__Provided material__.
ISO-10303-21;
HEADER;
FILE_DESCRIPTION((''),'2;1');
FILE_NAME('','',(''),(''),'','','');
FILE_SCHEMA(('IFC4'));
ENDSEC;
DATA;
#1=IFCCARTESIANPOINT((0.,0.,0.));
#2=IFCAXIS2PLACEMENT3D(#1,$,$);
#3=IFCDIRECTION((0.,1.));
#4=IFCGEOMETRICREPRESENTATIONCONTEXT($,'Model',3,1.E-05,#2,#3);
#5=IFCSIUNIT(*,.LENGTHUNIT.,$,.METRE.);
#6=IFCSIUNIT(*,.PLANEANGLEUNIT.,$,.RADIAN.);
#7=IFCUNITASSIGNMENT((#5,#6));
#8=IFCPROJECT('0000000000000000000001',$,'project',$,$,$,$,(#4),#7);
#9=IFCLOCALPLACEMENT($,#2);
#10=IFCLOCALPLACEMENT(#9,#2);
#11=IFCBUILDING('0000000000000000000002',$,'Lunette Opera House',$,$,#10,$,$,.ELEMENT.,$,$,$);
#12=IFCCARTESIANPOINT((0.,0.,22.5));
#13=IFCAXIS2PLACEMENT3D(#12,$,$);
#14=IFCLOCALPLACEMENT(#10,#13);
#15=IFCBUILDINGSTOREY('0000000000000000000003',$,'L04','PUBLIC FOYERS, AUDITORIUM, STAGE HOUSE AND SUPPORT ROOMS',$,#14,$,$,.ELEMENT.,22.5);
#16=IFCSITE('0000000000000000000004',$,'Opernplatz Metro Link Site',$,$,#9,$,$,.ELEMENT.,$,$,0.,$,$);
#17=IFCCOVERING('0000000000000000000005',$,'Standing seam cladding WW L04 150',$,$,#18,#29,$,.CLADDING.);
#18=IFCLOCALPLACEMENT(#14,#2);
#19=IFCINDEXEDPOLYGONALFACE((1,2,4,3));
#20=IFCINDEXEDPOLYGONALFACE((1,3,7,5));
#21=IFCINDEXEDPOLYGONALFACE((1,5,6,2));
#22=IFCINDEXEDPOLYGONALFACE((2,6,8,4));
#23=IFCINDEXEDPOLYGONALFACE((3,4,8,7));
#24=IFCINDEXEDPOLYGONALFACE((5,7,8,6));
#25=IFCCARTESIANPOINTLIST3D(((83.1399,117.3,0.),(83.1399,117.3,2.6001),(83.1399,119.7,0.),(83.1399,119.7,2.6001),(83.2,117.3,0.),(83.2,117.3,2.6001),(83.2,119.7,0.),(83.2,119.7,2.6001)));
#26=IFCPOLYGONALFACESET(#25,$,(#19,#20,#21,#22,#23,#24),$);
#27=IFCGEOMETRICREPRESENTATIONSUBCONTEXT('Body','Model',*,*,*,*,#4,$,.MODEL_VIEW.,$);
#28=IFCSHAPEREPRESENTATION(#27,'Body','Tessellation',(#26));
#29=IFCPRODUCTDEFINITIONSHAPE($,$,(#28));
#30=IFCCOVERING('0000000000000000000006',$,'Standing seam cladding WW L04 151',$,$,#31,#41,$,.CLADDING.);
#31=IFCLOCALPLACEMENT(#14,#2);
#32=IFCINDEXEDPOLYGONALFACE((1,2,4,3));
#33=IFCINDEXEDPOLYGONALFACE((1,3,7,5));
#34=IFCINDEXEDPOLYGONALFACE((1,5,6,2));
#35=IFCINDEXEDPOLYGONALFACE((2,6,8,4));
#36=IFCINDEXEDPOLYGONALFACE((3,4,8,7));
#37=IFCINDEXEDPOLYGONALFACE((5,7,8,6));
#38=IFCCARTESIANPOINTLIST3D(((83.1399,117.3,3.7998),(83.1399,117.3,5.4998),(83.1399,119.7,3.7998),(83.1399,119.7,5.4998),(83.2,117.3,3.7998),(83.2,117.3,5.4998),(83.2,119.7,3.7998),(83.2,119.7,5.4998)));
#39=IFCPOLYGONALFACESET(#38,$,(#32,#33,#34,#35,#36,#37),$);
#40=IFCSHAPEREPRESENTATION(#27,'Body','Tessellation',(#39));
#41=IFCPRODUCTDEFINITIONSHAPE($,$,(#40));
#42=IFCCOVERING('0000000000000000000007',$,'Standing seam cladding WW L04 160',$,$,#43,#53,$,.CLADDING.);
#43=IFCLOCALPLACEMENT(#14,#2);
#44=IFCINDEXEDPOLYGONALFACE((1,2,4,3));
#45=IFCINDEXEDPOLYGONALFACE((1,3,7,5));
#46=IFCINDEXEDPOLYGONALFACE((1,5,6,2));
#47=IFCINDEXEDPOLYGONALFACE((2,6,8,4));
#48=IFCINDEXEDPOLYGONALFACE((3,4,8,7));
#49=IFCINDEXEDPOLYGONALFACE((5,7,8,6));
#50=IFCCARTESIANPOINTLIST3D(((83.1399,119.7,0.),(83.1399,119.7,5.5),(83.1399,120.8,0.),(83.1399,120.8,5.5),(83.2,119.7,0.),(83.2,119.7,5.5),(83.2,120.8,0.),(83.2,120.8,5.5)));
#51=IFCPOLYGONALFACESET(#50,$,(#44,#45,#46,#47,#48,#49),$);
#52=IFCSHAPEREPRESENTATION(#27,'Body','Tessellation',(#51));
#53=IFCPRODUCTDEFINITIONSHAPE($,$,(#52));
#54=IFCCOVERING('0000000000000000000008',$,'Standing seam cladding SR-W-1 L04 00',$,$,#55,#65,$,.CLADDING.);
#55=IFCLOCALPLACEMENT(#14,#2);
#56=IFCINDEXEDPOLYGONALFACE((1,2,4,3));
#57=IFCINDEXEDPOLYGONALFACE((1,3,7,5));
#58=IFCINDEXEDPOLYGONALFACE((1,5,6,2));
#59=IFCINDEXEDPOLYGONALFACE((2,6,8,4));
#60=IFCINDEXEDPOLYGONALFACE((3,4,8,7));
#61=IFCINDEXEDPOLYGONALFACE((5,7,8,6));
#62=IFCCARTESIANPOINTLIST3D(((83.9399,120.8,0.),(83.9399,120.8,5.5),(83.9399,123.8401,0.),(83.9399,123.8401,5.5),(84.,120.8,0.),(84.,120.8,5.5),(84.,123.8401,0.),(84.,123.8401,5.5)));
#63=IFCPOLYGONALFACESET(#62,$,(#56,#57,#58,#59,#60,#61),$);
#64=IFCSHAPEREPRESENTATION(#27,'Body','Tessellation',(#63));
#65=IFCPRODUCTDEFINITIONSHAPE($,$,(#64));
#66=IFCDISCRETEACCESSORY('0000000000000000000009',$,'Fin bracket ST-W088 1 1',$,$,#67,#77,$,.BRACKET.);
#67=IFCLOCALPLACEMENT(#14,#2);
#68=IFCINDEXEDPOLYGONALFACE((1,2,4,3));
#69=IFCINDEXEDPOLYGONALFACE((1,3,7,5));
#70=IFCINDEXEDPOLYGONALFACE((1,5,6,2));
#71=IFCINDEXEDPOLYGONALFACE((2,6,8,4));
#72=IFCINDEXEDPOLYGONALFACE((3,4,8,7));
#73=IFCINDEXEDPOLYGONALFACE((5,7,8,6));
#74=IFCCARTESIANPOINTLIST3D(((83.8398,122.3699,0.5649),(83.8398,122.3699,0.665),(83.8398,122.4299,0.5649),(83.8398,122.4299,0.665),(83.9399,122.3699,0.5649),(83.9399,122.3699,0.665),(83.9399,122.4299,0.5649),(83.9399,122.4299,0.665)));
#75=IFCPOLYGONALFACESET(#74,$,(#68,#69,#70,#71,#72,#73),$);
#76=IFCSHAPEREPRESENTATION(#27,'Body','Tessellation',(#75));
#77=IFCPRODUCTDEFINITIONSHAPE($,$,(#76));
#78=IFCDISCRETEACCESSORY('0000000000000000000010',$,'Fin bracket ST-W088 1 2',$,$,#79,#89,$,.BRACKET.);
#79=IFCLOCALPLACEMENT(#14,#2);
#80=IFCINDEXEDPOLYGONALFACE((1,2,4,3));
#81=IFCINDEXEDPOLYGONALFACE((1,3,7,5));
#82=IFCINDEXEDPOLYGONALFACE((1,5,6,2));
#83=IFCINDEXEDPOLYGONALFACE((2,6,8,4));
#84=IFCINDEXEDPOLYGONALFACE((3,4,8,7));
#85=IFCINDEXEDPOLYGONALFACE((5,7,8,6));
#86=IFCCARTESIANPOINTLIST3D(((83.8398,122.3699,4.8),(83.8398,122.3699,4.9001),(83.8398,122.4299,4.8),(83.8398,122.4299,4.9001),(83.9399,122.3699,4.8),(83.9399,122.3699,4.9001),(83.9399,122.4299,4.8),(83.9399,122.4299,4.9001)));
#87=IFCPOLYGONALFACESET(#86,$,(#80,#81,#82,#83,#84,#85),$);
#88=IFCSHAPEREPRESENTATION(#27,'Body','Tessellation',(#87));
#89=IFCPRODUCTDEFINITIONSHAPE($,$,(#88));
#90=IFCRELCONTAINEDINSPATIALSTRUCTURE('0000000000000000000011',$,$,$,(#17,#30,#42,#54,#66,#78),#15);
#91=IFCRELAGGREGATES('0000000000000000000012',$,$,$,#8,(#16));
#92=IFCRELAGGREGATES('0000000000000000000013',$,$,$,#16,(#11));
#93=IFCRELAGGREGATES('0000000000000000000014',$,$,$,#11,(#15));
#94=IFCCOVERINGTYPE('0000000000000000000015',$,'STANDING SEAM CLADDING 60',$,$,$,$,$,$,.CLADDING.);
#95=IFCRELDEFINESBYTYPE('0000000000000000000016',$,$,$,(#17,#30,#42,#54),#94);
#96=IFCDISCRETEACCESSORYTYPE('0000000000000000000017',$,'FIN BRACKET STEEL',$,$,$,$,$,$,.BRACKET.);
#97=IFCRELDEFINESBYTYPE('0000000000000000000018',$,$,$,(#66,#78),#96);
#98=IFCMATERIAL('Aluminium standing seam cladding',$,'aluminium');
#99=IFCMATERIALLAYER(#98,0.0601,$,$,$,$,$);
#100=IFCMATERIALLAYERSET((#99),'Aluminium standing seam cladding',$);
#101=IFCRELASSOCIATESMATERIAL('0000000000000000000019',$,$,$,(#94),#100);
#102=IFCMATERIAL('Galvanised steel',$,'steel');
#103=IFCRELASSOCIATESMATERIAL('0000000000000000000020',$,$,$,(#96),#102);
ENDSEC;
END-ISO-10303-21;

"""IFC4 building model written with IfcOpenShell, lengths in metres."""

from ifc_helpers import new_model, si_unit, direction, frame, origin, origin_2d, place, context, subcontext, project, spatial, rectangle, extrude, material, layer, layer_set, type_object, element, save


model = new_model("IFC4")

# Units and contexts
model_context = context("Model", 3, precision=1e-05, world=origin(), true_north=direction((0.0, 1.0)))
body_context = subcontext(model_context, "Body", "Model", "MODEL_VIEW")
ifc_project = project(units=[si_unit("LENGTHUNIT", "METRE"), si_unit("PLANEANGLEUNIT", "RADIAN")], contexts=[model_context])

# Site, building, storey
site_placement = place(None, origin())
site = spatial("IfcSite", under=ifc_project, at=site_placement, Name="Opernplatz Metro Link Site", CompositionType="ELEMENT", RefElevation=0.0)
building_placement = place(site_placement, origin())
building = spatial("IfcBuilding", under=site, at=building_placement, Name="Lunette Opera House", CompositionType="ELEMENT")
storey_placement = place(building_placement, frame((0.0, 0.0, 22.5)))
storey = spatial("IfcBuildingStorey", under=building, at=storey_placement, Name="L04", Description="PUBLIC FOYERS, AUDITORIUM, STAGE HOUSE AND SUPPORT ROOMS", CompositionType="ELEMENT", Elevation=22.5)

# Coverings
ifc_material_1 = material(Name="Aluminium standing seam cladding", Category="aluminium")
ifc_layer_1 = layer(ifc_material_1, 0.0601)
ifc_layer_set_1 = layer_set([ifc_layer_1], Name="Aluminium standing seam cladding")
covering_type = type_object("IfcCoveringType", Name="STANDING SEAM CLADDING 60", PredefinedType="CLADDING", material=ifc_layer_set_1)
covering_1_placement = place(storey_placement, frame((83.1699, 118.5, 0.0), z_axis=(0.0, 0.0, 1.0), x_axis=(0.0, 1.0, 0.0)))
element("IfcCovering", 1, at=covering_1_placement, inside=storey, type_object=covering_type, Name="Standing seam cladding WW L04 150", PredefinedType="CLADDING", context=body_context, shape_type="SweptSolid", body=[
    extrude(rectangle(XDim=2.3999, YDim=0.0601, at=origin_2d()), origin(), (0.0, 0.0, 1.0), 2.6001),
])
covering_2_placement = place(storey_placement, frame((83.1699, 118.5, 3.7998), z_axis=(0.0, 0.0, 1.0), x_axis=(0.0, 1.0, 0.0)))
element("IfcCovering", 2, at=covering_2_placement, inside=storey, type_object=covering_type, Name="Standing seam cladding WW L04 151", PredefinedType="CLADDING", context=body_context, shape_type="SweptSolid", body=[
    extrude(rectangle(XDim=2.3999, YDim=0.0601, at=origin_2d()), origin(), (0.0, 0.0, 1.0), 1.7),
])
covering_3_placement = place(storey_placement, frame((83.1699, 120.25, 0.0), z_axis=(0.0, 0.0, 1.0), x_axis=(0.0, 1.0, 0.0)))
element("IfcCovering", 3, at=covering_3_placement, inside=storey, type_object=covering_type, Name="Standing seam cladding WW L04 160", PredefinedType="CLADDING", context=body_context, shape_type="SweptSolid", body=[
    extrude(rectangle(XDim=1.1001, YDim=0.0601, at=origin_2d()), origin(), (0.0, 0.0, 1.0), 5.5),
])
covering_4_placement = place(storey_placement, frame((83.97, 122.3201, 0.0), z_axis=(0.0, 0.0, 1.0), x_axis=(0.0, 1.0, 0.0)))
element("IfcCovering", 4, at=covering_4_placement, inside=storey, type_object=covering_type, Name="Standing seam cladding SR-W-1 L04 00", PredefinedType="CLADDING", context=body_context, shape_type="SweptSolid", body=[
    extrude(rectangle(XDim=3.04, YDim=0.0601, at=origin_2d()), origin(), (0.0, 0.0, 1.0), 5.5),
])

# Discrete accessories
ifc_material_2 = material(Name="Galvanised steel", Category="steel")
discrete_accessory_type = type_object("IfcDiscreteAccessoryType", Name="FIN BRACKET STEEL", PredefinedType="BRACKET", material=ifc_material_2)
for number, where, z_axis, x_axis, name in (
    (5, (83.8899, 122.3999, 0.5649), (0.0, 0.0, 1.0), (-1.0, 0.0, 0.0), "Fin bracket ST-W088 1 1"),
    (6, (83.8899, 122.3999, 4.8), (0.0, 0.0, 1.0), (-1.0, 0.0, 0.0), "Fin bracket ST-W088 1 2"),
):
    element("IfcDiscreteAccessory", number, at=place(storey_placement, frame(where, z_axis=z_axis, x_axis=x_axis)), inside=storey, type_object=discrete_accessory_type, Name=name, PredefinedType="BRACKET", context=body_context, shape_type="SweptSolid", body=[
        extrude(rectangle(XDim=0.1001, YDim=0.0601, at=origin_2d()), origin(), (0.0, 0.0, 1.0), 0.1001),
    ])

save(model, "model.ifc")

__Required action__.
From the listing above, copy all lines holding the word "IFCPOLYGONALFACESET".

__Reply__.
#26=IFCPOLYGONALFACESET(#25,$,(#19,#20,#21,#22,#23,#24),$);
#39=IFCPOLYGONALFACESET(#38,$,(#32,#33,#34,#35,#36,#37),$);
#51=IFCPOLYGONALFACESET(#50,$,(#44,#45,#46,#47,#48,#49),$);
#63=IFCPOLYGONALFACESET(#62,$,(#56,#57,#58,#59,#60,#61),$);
#75=IFCPOLYGONALFACESET(#74,$,(#68,#69,#70,#71,#72,#73),$);
#87=IFCPOLYGONALFACESET(#86,$,(#80,#81,#82,#83,#84,#85),$);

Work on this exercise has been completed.